▶ [PROBLEM TO WORK ON]: In the records below, find the line with "#24=IFCINDEXEDPOLYGONALFACE((5,7,8,6));" and the line with "#26=IFCPOLYGONALFACESET(#25,$,(#19,#20,#21,#22,#23,#24),$);". Print both exactly, along with every line between them, and no other line.

▶ [Dataset items]:
* * *
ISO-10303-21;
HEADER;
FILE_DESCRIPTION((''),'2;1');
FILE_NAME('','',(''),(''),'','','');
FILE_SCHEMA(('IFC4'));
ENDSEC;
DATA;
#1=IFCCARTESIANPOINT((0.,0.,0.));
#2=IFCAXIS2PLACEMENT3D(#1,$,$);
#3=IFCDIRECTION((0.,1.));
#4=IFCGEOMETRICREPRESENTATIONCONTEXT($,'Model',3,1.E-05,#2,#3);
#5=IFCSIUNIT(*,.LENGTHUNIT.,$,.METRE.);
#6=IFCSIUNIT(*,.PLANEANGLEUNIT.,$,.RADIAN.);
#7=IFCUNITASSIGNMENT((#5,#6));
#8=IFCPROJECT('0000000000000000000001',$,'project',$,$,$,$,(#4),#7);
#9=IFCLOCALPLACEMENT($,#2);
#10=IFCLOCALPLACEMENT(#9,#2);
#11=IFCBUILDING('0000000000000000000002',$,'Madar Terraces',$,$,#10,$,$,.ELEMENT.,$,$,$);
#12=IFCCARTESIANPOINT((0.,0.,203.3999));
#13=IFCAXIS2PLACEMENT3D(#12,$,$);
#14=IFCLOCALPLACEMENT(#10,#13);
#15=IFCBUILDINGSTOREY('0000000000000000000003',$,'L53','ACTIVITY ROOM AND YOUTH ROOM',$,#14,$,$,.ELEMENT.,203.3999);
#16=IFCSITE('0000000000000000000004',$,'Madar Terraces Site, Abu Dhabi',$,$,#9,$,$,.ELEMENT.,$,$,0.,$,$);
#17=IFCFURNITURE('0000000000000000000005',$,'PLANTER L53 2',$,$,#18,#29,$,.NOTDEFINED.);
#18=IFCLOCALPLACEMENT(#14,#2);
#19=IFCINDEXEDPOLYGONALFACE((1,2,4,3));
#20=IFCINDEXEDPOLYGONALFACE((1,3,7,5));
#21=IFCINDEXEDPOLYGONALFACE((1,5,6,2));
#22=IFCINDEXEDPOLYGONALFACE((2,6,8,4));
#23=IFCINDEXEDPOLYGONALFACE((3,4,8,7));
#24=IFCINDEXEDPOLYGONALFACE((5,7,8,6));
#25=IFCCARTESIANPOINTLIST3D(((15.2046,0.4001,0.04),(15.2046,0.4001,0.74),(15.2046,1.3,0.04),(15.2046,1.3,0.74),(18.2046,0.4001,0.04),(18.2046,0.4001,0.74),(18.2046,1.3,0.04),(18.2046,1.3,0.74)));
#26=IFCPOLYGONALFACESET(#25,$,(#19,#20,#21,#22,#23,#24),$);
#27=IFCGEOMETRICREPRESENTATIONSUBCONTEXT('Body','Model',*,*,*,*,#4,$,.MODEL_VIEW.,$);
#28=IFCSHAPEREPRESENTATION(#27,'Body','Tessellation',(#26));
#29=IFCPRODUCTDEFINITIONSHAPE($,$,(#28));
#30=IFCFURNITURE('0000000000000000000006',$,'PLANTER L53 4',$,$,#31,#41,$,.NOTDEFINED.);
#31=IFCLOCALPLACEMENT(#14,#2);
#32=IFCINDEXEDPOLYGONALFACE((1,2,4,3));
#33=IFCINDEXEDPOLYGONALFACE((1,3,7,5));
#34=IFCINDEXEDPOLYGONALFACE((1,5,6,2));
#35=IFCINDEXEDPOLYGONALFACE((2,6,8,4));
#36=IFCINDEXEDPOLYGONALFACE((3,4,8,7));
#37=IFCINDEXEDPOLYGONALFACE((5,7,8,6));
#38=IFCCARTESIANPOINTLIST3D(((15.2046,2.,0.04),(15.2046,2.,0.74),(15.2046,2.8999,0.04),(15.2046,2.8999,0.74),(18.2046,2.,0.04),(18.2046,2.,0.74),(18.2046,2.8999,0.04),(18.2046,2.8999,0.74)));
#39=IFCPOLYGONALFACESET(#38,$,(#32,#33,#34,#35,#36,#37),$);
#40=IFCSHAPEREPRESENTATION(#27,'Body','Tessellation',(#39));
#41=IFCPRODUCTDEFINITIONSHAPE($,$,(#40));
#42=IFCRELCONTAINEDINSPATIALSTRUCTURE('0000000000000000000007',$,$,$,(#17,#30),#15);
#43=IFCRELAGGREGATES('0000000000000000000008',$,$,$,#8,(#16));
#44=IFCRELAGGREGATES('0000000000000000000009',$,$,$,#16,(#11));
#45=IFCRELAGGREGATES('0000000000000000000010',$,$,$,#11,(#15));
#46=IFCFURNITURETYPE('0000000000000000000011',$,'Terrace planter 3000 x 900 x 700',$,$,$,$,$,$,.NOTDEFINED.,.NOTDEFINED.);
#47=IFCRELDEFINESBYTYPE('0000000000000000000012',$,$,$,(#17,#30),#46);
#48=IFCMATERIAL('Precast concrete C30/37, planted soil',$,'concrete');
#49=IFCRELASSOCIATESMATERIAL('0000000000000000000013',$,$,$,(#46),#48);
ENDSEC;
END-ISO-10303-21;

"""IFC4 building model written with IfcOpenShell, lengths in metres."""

from ifc_helpers import new_model, si_unit, direction, frame, origin, origin_2d, place, context, subcontext, project, spatial, rectangle, extrude, material, type_object, element, save


model = new_model("IFC4")

# Units and contexts
model_context = context("Model", 3, precision=1e-05, world=origin(), true_north=direction((0.0, 1.0)))
body_context = subcontext(model_context, "Body", "Model", "MODEL_VIEW")
ifc_project = project(units=[si_unit("LENGTHUNIT", "METRE"), si_unit("PLANEANGLEUNIT", "RADIAN")], contexts=[model_context])

# Site, building, storey
site_placement = place(None, origin())
site = spatial("IfcSite", under=ifc_project, at=site_placement, Name="Madar Terraces Site, Abu Dhabi", CompositionType="ELEMENT", RefElevation=0.0)
building_placement = place(site_placement, origin())
building = spatial("IfcBuilding", under=site, at=building_placement, Name="Madar Terraces", CompositionType="ELEMENT")
storey_placement = place(building_placement, frame((0.0, 0.0, 203.3999)))
storey = spatial("IfcBuildingStorey", under=building, at=storey_placement, Name="L53", Description="ACTIVITY ROOM AND YOUTH ROOM", CompositionType="ELEMENT", Elevation=203.3999)

# Furniture
ifc_material_1 = material(Name="Precast concrete C30/37, planted soil", Category="concrete")
furniture_type = type_object("IfcFurnitureType", Name="Terrace planter 3000 x 900 x 700", AssemblyPlace="NOTDEFINED", PredefinedType="NOTDEFINED", material=ifc_material_1)
for number, where, z_axis, x_axis, name in (
    (1, (16.7046, 0.8501, 0.04), (0.0, 0.0, 1.0), (1.0, 0.0, 0.0), "PLANTER L53 2"),
    (2, (16.7046, 2.45, 0.04), (0.0, 0.0, 1.0), (1.0, 0.0, 0.0), "PLANTER L53 4"),
):
    element("IfcFurniture", number, at=place(storey_placement, frame(where, z_axis=z_axis, x_axis=x_axis)), inside=storey, type_object=furniture_type, Name=name, PredefinedType="NOTDEFINED", context=body_context, shape_type="SweptSolid", body=[
        extrude(rectangle(XDim=3.0, YDim=0.8999, at=origin_2d()), origin(), (0.0, 0.0, 1.0), 0.7),
    ])

save(model, "model.ifc")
* * *
▶ [FINAL ANSWER]:
#24=IFCINDEXEDPOLYGONALFACE((5,7,8,6));
#25=IFCCARTESIANPOINTLIST3D(((15.2046,0.4001,0.04),(15.2046,0.4001,0.74),(15.2046,1.3,0.04),(15.2046,1.3,0.74),(18.2046,0.4001,0.04),(18.2046,0.4001,0.74),(18.2046,1.3,0.04),(18.2046,1.3,0.74)));
#26=IFCPOLYGONALFACESET(#25,$,(#19,#20,#21,#22,#23,#24),$);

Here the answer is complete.